Collected data entries
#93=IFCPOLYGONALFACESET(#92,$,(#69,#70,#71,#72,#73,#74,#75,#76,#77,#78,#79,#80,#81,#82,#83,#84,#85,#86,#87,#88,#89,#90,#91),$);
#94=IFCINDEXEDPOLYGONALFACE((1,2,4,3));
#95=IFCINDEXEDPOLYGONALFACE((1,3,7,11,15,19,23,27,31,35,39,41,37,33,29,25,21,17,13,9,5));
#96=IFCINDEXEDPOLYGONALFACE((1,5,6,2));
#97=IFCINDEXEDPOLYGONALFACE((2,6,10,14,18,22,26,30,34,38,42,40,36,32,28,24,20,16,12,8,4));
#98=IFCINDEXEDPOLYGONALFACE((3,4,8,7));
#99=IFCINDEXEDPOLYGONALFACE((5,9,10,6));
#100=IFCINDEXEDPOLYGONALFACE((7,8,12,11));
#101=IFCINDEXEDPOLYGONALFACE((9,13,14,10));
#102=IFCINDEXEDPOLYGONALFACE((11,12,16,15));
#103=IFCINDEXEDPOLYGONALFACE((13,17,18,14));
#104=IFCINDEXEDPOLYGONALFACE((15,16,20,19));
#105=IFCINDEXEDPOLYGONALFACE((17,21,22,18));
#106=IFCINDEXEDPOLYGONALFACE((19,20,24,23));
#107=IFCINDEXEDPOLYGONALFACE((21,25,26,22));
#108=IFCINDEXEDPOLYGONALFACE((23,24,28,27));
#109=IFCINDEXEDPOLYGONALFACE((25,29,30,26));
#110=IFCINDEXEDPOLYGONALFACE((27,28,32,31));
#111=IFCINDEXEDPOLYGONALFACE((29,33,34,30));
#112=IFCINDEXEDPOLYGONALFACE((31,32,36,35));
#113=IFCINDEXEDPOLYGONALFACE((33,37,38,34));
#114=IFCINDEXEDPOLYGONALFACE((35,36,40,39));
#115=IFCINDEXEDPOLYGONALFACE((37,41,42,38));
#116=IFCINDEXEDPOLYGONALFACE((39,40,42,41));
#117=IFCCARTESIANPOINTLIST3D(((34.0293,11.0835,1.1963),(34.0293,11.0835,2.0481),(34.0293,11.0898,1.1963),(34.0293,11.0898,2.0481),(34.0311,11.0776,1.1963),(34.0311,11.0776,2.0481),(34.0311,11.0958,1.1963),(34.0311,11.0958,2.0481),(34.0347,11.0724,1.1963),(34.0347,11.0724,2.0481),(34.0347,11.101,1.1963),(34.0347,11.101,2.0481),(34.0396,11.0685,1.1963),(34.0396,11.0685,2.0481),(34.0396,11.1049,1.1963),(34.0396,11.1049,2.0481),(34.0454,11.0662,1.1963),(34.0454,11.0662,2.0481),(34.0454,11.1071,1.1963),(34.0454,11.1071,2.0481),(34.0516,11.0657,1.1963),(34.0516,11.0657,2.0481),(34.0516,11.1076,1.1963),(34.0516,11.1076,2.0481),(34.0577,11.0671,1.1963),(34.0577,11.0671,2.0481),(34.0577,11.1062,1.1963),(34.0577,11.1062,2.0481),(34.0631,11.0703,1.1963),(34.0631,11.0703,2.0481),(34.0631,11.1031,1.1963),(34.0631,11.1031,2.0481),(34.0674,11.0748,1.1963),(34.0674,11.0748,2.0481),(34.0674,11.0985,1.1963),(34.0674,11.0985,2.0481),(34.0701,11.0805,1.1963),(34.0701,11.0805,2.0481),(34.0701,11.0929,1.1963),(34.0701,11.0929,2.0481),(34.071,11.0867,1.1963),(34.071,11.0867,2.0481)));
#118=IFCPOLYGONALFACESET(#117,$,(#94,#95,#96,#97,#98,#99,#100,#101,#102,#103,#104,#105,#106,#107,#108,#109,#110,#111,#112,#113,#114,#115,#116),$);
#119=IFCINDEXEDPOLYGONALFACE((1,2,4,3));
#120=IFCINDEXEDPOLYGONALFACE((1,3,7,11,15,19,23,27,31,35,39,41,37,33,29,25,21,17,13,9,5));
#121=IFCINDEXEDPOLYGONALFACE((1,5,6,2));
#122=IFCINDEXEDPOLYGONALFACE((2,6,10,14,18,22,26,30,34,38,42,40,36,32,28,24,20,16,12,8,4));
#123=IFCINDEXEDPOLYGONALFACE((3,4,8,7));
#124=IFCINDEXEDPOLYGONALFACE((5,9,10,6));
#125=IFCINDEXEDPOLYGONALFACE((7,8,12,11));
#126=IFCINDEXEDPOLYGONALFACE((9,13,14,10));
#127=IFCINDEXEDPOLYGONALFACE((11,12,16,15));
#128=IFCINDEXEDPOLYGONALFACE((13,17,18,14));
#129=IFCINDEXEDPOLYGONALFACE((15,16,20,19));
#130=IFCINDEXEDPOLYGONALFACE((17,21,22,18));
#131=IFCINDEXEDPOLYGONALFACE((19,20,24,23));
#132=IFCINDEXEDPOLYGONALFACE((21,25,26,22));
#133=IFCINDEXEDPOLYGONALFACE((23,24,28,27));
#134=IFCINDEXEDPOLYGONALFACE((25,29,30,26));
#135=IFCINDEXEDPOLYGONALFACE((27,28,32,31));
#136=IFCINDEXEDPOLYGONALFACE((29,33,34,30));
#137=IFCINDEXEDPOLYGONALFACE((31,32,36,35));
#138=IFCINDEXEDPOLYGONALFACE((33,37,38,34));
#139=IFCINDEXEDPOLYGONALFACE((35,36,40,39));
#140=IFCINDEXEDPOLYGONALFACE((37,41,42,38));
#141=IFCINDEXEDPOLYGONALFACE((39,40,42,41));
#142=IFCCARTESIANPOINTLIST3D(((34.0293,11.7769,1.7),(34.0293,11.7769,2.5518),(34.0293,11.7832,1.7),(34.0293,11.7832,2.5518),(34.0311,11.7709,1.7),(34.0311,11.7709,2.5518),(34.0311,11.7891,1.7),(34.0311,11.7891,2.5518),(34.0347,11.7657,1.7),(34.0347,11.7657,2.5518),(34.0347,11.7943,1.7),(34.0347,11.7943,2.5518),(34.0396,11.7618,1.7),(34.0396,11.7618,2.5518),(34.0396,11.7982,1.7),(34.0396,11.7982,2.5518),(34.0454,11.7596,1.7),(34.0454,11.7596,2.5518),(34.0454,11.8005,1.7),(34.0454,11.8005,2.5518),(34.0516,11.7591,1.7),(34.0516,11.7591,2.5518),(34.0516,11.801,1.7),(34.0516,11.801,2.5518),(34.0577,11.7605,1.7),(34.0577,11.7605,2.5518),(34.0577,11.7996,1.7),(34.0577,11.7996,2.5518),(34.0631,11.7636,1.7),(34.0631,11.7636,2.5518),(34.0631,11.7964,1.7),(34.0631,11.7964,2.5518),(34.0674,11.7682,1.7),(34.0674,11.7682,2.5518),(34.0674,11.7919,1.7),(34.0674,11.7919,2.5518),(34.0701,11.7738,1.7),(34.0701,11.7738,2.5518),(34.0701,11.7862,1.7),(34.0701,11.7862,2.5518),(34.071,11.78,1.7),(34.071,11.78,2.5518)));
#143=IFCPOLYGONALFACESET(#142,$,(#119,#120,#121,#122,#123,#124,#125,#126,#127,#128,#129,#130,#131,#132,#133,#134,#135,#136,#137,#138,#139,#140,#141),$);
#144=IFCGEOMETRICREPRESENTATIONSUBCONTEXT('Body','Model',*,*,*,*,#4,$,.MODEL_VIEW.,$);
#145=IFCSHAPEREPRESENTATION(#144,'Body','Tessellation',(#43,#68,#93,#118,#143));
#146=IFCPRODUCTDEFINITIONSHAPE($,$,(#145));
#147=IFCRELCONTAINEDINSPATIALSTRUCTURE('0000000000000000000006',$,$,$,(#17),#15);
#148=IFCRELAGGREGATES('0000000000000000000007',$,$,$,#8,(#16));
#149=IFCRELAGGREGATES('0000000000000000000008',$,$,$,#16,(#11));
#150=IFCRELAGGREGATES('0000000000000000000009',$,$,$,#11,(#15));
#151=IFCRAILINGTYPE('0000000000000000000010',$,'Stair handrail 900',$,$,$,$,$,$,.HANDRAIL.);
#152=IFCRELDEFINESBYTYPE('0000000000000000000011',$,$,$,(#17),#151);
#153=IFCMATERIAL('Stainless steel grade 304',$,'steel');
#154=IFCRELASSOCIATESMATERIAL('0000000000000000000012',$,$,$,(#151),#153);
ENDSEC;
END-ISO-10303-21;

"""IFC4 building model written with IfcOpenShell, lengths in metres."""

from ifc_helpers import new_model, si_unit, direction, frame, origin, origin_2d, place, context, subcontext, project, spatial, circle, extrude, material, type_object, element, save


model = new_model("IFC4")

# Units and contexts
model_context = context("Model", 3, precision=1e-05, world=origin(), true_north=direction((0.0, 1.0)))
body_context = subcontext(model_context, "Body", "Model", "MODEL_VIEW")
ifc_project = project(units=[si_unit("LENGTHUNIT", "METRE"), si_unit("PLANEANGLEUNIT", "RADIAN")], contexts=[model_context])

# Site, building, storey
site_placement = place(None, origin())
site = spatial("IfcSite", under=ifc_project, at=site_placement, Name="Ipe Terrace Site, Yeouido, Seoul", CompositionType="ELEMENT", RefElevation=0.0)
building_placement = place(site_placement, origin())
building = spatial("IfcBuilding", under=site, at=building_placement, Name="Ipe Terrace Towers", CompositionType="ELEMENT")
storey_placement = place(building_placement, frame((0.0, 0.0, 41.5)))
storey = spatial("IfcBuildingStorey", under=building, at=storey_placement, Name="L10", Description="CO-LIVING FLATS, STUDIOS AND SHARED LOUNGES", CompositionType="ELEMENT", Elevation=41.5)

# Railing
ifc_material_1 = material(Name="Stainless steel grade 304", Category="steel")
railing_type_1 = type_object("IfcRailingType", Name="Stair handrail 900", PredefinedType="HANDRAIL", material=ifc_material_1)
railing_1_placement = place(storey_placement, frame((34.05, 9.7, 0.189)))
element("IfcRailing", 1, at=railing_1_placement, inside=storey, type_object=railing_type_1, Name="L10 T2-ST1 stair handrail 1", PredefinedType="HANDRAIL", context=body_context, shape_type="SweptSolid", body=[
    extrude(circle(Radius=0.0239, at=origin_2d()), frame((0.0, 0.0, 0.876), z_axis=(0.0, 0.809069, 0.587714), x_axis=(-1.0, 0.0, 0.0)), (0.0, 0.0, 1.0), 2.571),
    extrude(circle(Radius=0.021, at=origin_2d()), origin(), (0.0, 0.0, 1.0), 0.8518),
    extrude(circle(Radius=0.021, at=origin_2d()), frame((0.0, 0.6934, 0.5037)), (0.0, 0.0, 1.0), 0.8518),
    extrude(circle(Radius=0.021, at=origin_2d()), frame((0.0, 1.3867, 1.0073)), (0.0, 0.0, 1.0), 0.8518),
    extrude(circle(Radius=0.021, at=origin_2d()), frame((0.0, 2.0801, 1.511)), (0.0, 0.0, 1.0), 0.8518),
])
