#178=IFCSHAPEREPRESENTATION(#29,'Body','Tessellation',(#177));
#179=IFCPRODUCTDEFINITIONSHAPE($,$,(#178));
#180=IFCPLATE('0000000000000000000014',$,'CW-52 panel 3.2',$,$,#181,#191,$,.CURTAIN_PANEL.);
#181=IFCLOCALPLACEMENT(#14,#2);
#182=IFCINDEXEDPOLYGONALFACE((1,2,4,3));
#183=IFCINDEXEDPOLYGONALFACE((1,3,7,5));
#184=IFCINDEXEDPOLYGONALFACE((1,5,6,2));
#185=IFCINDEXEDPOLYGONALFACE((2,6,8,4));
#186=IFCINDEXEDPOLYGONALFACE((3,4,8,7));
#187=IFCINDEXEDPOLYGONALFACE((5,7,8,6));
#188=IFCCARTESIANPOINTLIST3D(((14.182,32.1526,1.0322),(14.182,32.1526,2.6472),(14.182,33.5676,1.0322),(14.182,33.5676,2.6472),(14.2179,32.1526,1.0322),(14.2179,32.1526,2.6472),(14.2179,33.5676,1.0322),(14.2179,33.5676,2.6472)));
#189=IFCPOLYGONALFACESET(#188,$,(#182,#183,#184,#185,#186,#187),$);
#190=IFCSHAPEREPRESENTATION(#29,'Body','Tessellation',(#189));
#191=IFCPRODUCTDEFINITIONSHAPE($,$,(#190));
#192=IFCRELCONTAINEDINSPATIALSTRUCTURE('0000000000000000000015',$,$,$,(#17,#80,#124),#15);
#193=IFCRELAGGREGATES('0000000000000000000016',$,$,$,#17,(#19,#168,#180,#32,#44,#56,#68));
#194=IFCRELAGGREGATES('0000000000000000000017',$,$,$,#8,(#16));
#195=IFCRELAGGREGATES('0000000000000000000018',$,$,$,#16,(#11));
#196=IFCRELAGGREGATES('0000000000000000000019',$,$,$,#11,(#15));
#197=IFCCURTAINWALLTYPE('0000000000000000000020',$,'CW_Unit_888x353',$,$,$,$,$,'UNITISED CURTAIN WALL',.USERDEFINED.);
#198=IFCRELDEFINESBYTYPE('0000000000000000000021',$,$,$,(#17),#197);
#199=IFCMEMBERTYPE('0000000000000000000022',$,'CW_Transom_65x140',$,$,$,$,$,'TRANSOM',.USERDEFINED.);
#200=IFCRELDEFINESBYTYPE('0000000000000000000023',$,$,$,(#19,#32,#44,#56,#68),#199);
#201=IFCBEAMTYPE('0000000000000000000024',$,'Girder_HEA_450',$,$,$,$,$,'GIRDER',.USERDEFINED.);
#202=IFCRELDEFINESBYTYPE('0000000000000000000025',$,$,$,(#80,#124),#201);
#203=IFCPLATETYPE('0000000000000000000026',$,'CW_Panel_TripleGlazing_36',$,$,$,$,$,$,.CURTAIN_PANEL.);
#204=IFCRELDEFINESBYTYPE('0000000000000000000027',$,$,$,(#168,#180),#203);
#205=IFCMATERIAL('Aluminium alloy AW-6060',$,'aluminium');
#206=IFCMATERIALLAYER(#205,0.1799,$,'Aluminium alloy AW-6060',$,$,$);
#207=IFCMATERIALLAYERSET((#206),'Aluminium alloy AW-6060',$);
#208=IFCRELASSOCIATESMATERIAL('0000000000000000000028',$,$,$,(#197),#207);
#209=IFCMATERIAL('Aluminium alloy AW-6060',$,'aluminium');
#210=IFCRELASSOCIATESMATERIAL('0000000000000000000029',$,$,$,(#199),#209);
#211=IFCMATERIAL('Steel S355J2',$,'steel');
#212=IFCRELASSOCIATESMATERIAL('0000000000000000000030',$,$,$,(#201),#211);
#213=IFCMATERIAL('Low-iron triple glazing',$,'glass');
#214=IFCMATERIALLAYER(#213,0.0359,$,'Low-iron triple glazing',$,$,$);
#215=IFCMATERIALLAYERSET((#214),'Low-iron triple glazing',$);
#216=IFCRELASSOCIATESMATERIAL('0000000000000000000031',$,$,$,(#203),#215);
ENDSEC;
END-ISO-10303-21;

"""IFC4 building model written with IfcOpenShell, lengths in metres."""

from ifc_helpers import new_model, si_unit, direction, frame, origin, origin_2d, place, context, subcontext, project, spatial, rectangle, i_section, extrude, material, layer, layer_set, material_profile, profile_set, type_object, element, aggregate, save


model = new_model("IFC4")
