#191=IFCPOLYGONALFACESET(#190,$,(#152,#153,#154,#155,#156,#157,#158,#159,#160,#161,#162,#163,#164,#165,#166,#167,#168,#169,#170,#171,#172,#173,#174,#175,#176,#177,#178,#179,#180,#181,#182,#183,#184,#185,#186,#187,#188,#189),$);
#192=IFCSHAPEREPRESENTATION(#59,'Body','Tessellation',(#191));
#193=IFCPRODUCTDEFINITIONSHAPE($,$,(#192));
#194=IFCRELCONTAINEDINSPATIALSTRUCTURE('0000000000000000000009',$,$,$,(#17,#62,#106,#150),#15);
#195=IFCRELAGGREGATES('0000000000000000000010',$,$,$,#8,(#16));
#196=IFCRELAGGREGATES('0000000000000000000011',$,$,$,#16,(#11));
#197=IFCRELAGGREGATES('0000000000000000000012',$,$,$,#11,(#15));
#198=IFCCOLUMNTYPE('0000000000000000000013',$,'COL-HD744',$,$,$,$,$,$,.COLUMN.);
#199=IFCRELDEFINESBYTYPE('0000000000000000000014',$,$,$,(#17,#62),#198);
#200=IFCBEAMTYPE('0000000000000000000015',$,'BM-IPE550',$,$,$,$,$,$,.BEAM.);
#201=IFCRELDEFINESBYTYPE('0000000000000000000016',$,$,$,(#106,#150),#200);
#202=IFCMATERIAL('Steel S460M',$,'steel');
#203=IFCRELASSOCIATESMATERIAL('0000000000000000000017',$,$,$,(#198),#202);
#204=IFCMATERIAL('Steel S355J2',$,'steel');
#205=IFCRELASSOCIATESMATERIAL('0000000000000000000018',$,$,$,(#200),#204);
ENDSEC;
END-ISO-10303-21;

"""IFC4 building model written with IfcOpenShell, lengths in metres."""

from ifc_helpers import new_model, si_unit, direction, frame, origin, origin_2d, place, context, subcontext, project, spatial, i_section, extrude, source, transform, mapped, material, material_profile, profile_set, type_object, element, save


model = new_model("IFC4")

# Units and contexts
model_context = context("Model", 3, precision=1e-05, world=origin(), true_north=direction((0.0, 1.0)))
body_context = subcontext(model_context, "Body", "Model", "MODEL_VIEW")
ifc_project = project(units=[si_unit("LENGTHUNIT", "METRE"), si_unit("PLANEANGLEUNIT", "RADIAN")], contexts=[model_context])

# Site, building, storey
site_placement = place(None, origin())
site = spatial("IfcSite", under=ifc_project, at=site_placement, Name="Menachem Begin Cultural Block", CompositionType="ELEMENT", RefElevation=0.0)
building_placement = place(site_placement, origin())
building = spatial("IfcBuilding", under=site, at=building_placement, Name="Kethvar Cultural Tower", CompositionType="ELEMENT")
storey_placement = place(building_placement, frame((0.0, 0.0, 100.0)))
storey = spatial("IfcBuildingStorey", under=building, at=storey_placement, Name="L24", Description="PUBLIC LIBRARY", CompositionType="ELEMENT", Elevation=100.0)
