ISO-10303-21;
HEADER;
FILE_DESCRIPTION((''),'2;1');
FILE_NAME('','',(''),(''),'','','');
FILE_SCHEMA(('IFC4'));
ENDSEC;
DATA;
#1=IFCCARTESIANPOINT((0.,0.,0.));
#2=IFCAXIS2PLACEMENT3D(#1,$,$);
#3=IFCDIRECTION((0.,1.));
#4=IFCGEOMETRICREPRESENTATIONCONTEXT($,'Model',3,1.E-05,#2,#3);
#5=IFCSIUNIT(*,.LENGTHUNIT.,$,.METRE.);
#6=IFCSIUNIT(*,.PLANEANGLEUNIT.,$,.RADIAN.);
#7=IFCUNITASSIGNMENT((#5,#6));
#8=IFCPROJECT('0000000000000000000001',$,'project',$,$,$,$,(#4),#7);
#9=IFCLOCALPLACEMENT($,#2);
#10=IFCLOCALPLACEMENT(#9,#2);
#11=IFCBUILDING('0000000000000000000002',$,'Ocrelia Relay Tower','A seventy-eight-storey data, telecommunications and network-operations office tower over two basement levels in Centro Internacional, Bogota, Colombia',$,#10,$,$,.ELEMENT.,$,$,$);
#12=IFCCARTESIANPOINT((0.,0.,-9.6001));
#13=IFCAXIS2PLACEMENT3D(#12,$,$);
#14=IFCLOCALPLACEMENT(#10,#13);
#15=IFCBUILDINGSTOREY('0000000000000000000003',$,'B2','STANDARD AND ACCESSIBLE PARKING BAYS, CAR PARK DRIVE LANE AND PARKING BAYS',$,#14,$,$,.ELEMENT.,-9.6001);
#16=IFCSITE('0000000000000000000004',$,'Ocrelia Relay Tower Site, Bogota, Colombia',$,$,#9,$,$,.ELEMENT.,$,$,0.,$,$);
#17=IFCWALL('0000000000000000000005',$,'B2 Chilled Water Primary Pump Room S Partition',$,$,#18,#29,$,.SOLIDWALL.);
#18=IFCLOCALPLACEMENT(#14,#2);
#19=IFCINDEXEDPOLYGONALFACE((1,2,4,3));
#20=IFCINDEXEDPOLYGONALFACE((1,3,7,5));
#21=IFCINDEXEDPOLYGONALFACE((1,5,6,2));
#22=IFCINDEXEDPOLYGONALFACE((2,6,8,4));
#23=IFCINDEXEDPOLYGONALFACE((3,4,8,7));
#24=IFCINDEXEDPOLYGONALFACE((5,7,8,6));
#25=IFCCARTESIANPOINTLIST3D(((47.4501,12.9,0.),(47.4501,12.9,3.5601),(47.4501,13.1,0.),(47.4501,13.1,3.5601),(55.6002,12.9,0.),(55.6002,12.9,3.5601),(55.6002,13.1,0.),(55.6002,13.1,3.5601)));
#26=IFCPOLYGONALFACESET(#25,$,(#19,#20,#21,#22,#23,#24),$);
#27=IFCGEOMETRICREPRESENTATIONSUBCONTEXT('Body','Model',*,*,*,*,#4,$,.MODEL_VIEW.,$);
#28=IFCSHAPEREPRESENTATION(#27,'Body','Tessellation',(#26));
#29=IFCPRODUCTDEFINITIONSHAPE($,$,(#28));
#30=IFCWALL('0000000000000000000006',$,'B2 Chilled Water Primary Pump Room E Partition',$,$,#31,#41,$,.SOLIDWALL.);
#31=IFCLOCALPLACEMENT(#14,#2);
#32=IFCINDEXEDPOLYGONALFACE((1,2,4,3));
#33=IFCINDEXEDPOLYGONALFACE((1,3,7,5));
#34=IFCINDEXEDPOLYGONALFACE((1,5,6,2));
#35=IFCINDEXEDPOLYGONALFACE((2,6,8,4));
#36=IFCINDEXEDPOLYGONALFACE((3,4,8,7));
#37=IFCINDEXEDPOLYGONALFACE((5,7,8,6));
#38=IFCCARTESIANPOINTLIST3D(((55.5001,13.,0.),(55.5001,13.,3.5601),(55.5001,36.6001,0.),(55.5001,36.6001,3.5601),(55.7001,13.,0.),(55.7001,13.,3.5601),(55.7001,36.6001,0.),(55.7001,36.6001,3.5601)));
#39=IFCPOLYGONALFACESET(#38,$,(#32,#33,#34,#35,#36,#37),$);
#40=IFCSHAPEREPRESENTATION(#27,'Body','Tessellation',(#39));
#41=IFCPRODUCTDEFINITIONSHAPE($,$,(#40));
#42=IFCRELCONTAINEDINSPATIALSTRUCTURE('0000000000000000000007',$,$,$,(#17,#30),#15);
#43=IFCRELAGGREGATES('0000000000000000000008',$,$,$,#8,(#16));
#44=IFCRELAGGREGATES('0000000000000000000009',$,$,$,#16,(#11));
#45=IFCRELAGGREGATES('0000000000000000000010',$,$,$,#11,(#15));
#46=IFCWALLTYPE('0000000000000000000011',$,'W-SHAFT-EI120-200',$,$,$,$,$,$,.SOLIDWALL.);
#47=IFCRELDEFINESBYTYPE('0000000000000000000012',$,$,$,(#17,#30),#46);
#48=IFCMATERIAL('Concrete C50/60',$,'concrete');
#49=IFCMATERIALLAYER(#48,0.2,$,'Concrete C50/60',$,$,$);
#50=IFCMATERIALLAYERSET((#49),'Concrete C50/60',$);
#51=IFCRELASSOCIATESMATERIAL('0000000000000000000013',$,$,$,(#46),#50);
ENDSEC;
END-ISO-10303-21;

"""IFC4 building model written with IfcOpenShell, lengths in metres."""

from ifc_helpers import new_model, si_unit, direction, frame, frame_2d, origin, place, context, subcontext, project, spatial, rectangle, extrude, material, layer, layer_set, type_object, element, save


model = new_model("IFC4")

# Units and contexts
model_context = context("Model", 3, precision=1e-05, world=origin(), true_north=direction((0.0, 1.0)))
body_context = subcontext(model_context, "Body", "Model", "MODEL_VIEW")
ifc_project = project(units=[si_unit("LENGTHUNIT", "METRE"), si_unit("PLANEANGLEUNIT", "RADIAN")], contexts=[model_context])

# Site, building, storey
site_placement = place(None, origin())
site = spatial("IfcSite", under=ifc_project, at=site_placement, Name="Ocrelia Relay Tower Site, Bogota, Colombia", CompositionType="ELEMENT", RefElevation=0.0)
building_placement = place(site_placement, origin())
building = spatial("IfcBuilding", under=site, at=building_placement, Name="Ocrelia Relay Tower", Description="A seventy-eight-storey data, telecommunications and network-operations office tower over two basement levels in Centro Internacional, Bogota, Colombia", CompositionType="ELEMENT")
storey_placement = place(building_placement, frame((0.0, 0.0, -9.6001)))
storey = spatial("IfcBuildingStorey", under=building, at=storey_placement, Name="B2", Description="STANDARD AND ACCESSIBLE PARKING BAYS, CAR PARK DRIVE LANE AND PARKING BAYS", CompositionType="ELEMENT", Elevation=-9.6001)

# Shared definitions
ifc_material_1 = material(Name="Concrete C50/60", Category="concrete")

# Walls
ifc_layer_1 = layer(ifc_material_1, 0.2, Name="Concrete C50/60")
ifc_layer_set_1 = layer_set([ifc_layer_1], Name="Concrete C50/60")
wall_type_1 = type_object("IfcWallType", Name="W-SHAFT-EI120-200", PredefinedType="SOLIDWALL", material=ifc_layer_set_1)
wall_1_placement = place(storey_placement, frame((47.45, 13.0, 0.0), z_axis=(0.0, 0.0, 1.0), x_axis=(1.0, 0.0, 0.0)))
element("IfcWall", 1, at=wall_1_placement, inside=storey, type_object=wall_type_1, Name="B2 Chilled Water Primary Pump Room S Partition", PredefinedType="SOLIDWALL", context=body_context, shape_type="SweptSolid", body=[
    extrude(rectangle(XDim=8.1501, YDim=0.2, at=frame_2d((4.0752, 0.0))), origin(), (0.0, 0.0, 1.0), 3.5601),
])
wall_2_placement = place(storey_placement, frame((55.6001, 13.0, 0.0), z_axis=(0.0, 0.0, 1.0), x_axis=(0.0, 1.0, 0.0)))
element("IfcWall", 2, at=wall_2_placement, inside=storey, type_object=wall_type_1, Name="B2 Chilled Water Primary Pump Room E Partition", PredefinedType="SOLIDWALL", context=body_context, shape_type="SweptSolid", body=[
    extrude(rectangle(XDim=23.6001, YDim=0.2, at=frame_2d((11.8, 0.0))), origin(), (0.0, 0.0, 1.0), 3.5601),
])

save(model, "model.ifc")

WHAT THE EXERCISE ASKS
Going through the records above line by line, tally those with the word "Tessellation" and answer with the number only.

RESULT
6